START RECORDED INFORMATION
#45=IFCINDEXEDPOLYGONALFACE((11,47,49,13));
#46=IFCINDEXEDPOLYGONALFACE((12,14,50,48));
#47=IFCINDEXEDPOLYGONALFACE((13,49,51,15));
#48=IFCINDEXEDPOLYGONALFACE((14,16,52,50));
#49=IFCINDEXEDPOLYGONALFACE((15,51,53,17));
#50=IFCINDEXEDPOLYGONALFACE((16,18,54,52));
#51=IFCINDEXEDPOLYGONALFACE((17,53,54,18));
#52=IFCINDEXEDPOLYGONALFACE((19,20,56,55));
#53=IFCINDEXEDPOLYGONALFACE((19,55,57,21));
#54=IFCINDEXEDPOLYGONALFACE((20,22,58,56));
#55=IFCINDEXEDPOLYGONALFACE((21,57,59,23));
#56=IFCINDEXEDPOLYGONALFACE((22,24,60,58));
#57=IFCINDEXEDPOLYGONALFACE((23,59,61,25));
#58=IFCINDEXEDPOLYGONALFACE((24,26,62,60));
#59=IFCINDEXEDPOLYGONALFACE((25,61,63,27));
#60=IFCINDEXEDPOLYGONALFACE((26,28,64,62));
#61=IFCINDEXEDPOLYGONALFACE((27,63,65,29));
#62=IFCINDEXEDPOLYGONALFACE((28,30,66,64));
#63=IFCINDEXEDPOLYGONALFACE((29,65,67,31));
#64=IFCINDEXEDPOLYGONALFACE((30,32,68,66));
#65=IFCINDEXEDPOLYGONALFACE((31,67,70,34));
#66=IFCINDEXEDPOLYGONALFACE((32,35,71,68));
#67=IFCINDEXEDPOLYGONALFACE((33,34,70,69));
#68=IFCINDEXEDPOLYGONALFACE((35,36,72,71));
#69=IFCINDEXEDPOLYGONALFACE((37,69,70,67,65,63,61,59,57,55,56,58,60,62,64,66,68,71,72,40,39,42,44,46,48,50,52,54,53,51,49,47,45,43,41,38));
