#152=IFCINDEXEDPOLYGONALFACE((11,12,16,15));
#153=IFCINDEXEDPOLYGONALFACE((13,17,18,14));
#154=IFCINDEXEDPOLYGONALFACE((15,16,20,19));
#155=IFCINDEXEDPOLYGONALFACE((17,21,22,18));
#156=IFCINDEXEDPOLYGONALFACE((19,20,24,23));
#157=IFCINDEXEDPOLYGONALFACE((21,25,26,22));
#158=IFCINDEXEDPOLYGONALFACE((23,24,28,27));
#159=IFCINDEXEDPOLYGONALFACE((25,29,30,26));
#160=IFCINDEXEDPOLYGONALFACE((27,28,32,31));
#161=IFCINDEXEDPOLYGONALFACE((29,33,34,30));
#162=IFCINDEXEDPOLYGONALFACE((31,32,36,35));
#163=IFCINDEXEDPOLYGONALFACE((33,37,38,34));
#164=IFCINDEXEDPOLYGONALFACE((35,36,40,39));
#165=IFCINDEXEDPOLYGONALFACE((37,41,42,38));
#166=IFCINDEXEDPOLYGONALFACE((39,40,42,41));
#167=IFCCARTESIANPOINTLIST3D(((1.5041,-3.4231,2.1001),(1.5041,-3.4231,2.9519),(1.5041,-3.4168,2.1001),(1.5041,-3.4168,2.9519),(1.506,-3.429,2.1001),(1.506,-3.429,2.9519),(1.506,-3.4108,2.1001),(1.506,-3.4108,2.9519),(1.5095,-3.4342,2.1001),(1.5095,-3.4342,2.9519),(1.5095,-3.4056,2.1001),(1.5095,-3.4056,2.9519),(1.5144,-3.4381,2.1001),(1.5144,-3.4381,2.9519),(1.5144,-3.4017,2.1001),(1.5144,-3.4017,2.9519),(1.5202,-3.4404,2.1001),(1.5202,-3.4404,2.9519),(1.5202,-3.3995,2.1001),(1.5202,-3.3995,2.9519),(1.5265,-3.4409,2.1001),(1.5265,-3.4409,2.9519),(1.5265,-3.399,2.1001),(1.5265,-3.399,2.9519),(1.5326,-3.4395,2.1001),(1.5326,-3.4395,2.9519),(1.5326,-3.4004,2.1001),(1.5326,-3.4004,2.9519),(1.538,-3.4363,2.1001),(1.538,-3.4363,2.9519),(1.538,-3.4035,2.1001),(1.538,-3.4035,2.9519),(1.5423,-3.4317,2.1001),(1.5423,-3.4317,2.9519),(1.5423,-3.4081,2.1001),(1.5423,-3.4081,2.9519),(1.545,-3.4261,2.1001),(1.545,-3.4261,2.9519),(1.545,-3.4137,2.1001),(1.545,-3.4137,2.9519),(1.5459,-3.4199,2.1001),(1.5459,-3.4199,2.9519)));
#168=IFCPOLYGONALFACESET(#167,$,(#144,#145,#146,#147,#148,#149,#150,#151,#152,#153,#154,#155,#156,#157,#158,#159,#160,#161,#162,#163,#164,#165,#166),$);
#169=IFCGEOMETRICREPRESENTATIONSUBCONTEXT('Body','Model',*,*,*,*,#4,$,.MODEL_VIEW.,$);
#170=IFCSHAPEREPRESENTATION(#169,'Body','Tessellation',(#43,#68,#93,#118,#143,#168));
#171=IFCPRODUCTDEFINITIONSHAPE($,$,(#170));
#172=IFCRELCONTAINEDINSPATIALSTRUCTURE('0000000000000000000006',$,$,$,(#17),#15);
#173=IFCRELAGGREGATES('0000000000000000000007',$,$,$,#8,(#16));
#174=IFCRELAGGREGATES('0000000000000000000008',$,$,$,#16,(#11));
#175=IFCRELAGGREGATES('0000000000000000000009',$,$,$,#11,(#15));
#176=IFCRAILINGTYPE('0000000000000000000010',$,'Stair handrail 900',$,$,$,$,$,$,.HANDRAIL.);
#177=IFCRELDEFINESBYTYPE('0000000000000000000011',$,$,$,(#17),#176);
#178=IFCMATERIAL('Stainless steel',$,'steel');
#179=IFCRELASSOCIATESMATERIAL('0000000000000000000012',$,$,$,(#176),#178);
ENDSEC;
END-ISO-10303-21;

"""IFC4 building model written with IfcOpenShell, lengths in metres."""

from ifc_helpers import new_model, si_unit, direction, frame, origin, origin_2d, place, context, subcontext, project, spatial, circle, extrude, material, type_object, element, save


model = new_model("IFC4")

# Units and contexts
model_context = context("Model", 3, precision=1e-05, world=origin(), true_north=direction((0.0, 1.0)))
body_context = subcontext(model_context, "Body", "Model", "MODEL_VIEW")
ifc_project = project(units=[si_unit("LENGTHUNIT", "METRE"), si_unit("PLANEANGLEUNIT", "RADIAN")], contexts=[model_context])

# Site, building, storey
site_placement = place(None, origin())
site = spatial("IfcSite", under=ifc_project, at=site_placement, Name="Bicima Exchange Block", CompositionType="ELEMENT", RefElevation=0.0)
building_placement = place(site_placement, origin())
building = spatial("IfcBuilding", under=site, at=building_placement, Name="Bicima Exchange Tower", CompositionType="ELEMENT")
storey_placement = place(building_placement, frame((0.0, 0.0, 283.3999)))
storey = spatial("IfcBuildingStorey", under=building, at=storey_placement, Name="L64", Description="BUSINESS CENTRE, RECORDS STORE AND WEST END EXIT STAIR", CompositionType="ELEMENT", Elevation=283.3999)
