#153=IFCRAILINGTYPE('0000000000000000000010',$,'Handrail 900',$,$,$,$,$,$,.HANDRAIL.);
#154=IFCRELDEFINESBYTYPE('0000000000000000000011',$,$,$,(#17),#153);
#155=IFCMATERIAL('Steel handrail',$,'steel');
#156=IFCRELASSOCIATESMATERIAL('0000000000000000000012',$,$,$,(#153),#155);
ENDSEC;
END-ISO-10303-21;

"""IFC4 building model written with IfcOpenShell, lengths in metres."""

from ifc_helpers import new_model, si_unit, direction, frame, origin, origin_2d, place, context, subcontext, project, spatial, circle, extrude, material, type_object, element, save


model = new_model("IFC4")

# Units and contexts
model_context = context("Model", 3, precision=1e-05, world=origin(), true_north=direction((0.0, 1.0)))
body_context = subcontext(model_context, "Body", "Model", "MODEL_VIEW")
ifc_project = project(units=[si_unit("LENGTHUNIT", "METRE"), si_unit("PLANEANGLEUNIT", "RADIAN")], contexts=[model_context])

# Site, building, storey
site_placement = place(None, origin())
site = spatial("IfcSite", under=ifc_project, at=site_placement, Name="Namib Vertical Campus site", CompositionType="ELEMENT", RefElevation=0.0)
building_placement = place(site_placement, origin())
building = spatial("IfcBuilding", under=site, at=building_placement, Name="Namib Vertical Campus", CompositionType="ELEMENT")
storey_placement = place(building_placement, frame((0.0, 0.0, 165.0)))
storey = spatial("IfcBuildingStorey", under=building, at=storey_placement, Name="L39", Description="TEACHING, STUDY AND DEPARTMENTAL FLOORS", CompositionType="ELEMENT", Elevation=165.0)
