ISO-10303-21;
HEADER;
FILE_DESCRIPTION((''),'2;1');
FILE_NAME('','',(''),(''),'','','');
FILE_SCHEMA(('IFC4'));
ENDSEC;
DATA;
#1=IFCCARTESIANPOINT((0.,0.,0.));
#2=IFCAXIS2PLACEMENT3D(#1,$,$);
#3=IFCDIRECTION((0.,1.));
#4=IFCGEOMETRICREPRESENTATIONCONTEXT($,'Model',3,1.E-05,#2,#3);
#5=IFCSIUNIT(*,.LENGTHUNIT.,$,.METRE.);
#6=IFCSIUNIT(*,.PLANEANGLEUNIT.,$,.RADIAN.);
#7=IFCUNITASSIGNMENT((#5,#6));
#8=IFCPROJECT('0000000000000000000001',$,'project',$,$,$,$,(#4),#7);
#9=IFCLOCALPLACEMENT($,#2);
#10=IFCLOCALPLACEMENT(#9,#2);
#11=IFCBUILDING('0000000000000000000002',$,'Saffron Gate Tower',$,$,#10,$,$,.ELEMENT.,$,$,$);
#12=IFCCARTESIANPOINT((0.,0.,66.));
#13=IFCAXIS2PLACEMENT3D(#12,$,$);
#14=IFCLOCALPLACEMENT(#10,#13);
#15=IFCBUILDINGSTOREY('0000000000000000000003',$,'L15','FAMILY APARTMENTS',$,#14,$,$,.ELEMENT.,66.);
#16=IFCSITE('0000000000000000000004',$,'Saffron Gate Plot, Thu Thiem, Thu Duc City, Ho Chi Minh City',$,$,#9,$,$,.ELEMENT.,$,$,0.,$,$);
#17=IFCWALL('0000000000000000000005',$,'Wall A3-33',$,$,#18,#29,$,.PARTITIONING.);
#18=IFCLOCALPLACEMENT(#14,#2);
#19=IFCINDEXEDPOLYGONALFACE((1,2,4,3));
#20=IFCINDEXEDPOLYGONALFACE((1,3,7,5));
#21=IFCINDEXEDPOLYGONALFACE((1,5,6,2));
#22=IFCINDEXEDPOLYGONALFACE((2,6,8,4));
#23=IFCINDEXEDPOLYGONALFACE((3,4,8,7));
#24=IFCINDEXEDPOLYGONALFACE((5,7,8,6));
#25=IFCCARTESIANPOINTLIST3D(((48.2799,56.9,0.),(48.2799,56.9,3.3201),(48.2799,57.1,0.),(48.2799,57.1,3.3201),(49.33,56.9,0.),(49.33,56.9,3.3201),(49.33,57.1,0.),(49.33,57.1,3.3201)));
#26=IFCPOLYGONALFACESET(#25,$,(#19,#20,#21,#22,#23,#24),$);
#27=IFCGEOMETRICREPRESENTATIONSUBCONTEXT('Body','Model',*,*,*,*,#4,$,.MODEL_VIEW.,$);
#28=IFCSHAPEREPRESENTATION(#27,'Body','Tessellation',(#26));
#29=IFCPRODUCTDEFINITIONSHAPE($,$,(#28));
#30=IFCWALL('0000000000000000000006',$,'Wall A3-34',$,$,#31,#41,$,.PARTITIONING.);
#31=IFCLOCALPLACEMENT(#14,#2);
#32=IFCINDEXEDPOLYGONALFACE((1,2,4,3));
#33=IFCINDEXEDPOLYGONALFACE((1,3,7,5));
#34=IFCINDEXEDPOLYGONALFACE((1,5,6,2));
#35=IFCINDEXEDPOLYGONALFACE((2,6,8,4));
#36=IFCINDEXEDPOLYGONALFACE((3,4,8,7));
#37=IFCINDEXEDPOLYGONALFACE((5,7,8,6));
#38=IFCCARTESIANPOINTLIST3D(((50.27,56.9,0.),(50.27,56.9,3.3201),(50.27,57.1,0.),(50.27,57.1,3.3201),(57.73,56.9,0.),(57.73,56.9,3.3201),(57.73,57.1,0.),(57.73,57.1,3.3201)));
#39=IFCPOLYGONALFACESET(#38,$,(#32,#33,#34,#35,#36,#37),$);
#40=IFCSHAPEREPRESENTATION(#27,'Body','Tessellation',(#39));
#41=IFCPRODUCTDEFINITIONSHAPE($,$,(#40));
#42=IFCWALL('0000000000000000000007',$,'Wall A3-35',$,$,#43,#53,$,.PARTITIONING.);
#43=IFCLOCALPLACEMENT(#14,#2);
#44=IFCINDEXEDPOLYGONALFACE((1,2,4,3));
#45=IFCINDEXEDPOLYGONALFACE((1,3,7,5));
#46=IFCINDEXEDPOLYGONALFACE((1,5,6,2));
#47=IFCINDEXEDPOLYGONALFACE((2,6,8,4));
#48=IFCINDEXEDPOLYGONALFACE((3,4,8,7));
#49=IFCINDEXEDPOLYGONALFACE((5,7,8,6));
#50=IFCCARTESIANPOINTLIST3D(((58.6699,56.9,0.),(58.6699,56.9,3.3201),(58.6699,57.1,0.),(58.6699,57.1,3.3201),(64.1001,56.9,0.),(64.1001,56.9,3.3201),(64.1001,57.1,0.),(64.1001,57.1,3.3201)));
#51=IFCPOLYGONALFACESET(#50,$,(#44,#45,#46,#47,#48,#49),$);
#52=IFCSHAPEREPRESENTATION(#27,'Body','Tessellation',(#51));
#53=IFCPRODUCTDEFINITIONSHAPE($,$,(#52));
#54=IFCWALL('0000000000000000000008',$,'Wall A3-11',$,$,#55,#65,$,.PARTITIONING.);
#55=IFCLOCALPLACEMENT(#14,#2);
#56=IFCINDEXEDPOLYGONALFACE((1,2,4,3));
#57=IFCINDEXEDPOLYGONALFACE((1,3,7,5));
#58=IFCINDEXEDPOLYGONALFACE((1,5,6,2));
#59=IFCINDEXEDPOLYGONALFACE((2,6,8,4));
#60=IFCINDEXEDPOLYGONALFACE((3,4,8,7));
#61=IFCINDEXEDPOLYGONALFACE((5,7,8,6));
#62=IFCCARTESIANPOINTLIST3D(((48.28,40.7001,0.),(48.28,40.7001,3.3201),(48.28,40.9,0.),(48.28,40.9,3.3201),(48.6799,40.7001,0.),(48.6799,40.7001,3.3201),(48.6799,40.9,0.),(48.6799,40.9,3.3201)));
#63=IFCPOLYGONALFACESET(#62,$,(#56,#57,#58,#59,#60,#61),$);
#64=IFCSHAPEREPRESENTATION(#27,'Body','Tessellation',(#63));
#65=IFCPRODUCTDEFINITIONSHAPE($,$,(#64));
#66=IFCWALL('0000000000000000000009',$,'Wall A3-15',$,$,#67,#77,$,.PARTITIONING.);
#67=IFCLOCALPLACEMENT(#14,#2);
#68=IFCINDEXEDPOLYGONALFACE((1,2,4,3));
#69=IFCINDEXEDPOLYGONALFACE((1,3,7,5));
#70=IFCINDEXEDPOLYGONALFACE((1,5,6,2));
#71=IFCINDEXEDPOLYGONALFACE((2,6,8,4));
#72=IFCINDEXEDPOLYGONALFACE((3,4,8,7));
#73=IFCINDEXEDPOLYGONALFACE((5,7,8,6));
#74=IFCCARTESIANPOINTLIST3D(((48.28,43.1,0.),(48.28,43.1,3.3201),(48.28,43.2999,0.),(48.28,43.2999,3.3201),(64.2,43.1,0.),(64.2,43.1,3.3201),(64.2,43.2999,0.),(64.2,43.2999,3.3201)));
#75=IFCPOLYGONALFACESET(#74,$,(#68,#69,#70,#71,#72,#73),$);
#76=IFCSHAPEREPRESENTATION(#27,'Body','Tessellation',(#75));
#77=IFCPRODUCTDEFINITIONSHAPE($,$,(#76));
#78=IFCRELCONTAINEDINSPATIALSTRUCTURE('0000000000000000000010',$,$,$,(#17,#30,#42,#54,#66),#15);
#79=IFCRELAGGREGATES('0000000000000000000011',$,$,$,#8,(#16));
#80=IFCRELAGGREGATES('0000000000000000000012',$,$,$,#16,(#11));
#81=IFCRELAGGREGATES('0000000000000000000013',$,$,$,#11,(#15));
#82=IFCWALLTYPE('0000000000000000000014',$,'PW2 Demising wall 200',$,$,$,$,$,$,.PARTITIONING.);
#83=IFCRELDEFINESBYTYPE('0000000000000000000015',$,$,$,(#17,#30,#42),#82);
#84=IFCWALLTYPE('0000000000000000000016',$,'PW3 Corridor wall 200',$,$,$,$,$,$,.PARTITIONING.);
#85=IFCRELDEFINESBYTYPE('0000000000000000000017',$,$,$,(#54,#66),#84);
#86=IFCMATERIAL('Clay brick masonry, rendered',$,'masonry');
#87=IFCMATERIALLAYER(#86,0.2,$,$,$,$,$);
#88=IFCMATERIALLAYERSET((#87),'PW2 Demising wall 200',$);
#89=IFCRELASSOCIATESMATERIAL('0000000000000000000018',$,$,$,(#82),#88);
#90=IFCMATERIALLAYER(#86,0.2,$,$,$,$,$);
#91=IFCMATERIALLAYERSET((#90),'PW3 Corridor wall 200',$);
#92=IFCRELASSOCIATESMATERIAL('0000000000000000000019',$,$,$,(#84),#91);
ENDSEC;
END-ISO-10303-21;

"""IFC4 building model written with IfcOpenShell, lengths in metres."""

from ifc_helpers import new_model, si_unit, direction, frame, frame_2d, origin, place, context, subcontext, project, spatial, rectangle, extrude, material, layer, layer_set, type_object, element, save


model = new_model("IFC4")

# Units and contexts
model_context = context("Model", 3, precision=1e-05, world=origin(), true_north=direction((0.0, 1.0)))
body_context = subcontext(model_context, "Body", "Model", "MODEL_VIEW")
ifc_project = project(units=[si_unit("LENGTHUNIT", "METRE"), si_unit("PLANEANGLEUNIT", "RADIAN")], contexts=[model_context])

# Site, building, storey
site_placement = place(None, origin())
site = spatial("IfcSite", under=ifc_project, at=site_placement, Name="Saffron Gate Plot, Thu Thiem, Thu Duc City, Ho Chi Minh City", CompositionType="ELEMENT", RefElevation=0.0)
building_placement = place(site_placement, origin())
building = spatial("IfcBuilding", under=site, at=building_placement, Name="Saffron Gate Tower", CompositionType="ELEMENT")
storey_placement = place(building_placement, frame((0.0, 0.0, 66.0)))
storey = spatial("IfcBuildingStorey", under=building, at=storey_placement, Name="L15", Description="FAMILY APARTMENTS", CompositionType="ELEMENT", Elevation=66.0)

# Walls
ifc_material_1 = material(Name="Clay brick masonry, rendered", Category="masonry")
ifc_layer_1 = layer(ifc_material_1, 0.2)
ifc_layer_set_1 = layer_set([ifc_layer_1], Name="PW2 Demising wall 200")
wall_type_1 = type_object("IfcWallType", Name="PW2 Demising wall 200", PredefinedType="PARTITIONING", material=ifc_layer_set_1)
wall_1_placement = place(storey_placement, frame((48.28, 57.0, 0.0), z_axis=(0.0, 0.0, 1.0), x_axis=(1.0, 0.0, 0.0)))
element("IfcWall", 1, at=wall_1_placement, inside=storey, type_object=wall_type_1, Name="Wall A3-33", PredefinedType="PARTITIONING", context=body_context, shape_type="SweptSolid", body=[
    extrude(rectangle(XDim=1.05, YDim=0.2, at=frame_2d((0.5249, 0.0))), origin(), (0.0, 0.0, 1.0), 3.3201),
])
wall_2_placement = place(storey_placement, frame((50.27, 57.0, 0.0), z_axis=(0.0, 0.0, 1.0), x_axis=(1.0, 0.0, 0.0)))
element("IfcWall", 2, at=wall_2_placement, inside=storey, type_object=wall_type_1, Name="Wall A3-34", PredefinedType="PARTITIONING", context=body_context, shape_type="SweptSolid", body=[
    extrude(rectangle(XDim=7.46, YDim=0.2, at=frame_2d((3.73, 0.0))), origin(), (0.0, 0.0, 1.0), 3.3201),
])
wall_3_placement = place(storey_placement, frame((58.6699, 57.0, 0.0), z_axis=(0.0, 0.0, 1.0), x_axis=(1.0, 0.0, 0.0)))
element("IfcWall", 3, at=wall_3_placement, inside=storey, type_object=wall_type_1, Name="Wall A3-35", PredefinedType="PARTITIONING", context=body_context, shape_type="SweptSolid", body=[
    extrude(rectangle(XDim=5.4302, YDim=0.2, at=frame_2d((2.7151, 0.0))), origin(), (0.0, 0.0, 1.0), 3.3201),
])
ifc_layer_2 = layer(ifc_material_1, 0.2)
ifc_layer_set_2 = layer_set([ifc_layer_2], Name="PW3 Corridor wall 200")
wall_type_2 = type_object("IfcWallType", Name="PW3 Corridor wall 200", PredefinedType="PARTITIONING", material=ifc_layer_set_2)
wall_4_placement = place(storey_placement, frame((48.28, 40.8, 0.0), z_axis=(0.0, 0.0, 1.0), x_axis=(1.0, 0.0, 0.0)))
element("IfcWall", 4, at=wall_4_placement, inside=storey, type_object=wall_type_2, Name="Wall A3-11", PredefinedType="PARTITIONING", context=body_context, shape_type="SweptSolid", body=[
    extrude(rectangle(XDim=0.3999, YDim=0.2, at=frame_2d((0.2, 0.0))), origin(), (0.0, 0.0, 1.0), 3.3201),
])
wall_5_placement = place(storey_placement, frame((48.28, 43.2, 0.0), z_axis=(0.0, 0.0, 1.0), x_axis=(1.0, 0.0, 0.0)))
element("IfcWall", 5, at=wall_5_placement, inside=storey, type_object=wall_type_2, Name="Wall A3-15", PredefinedType="PARTITIONING", context=body_context, shape_type="SweptSolid", body=[
    extrude(rectangle(XDim=15.9199, YDim=0.2, at=frame_2d((7.96, 0.0))), origin(), (0.0, 0.0, 1.0), 3.3201),
])

save(model, "model.ifc")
END RECORDED INFORMATION
» TASK OBJECTIVE
From the records above, copy every line that holds the word "IFCRELCONTAINEDINSPATIALSTRUCTURE".

» SOLUTION BELOW
#172=IFCRELCONTAINEDINSPATIALSTRUCTURE('0000000000000000000006',$,$,$,(#17),#15);
#78=IFCRELCONTAINEDINSPATIALSTRUCTURE('0000000000000000000010',$,$,$,(#17,#30,#42,#54,#66),#15);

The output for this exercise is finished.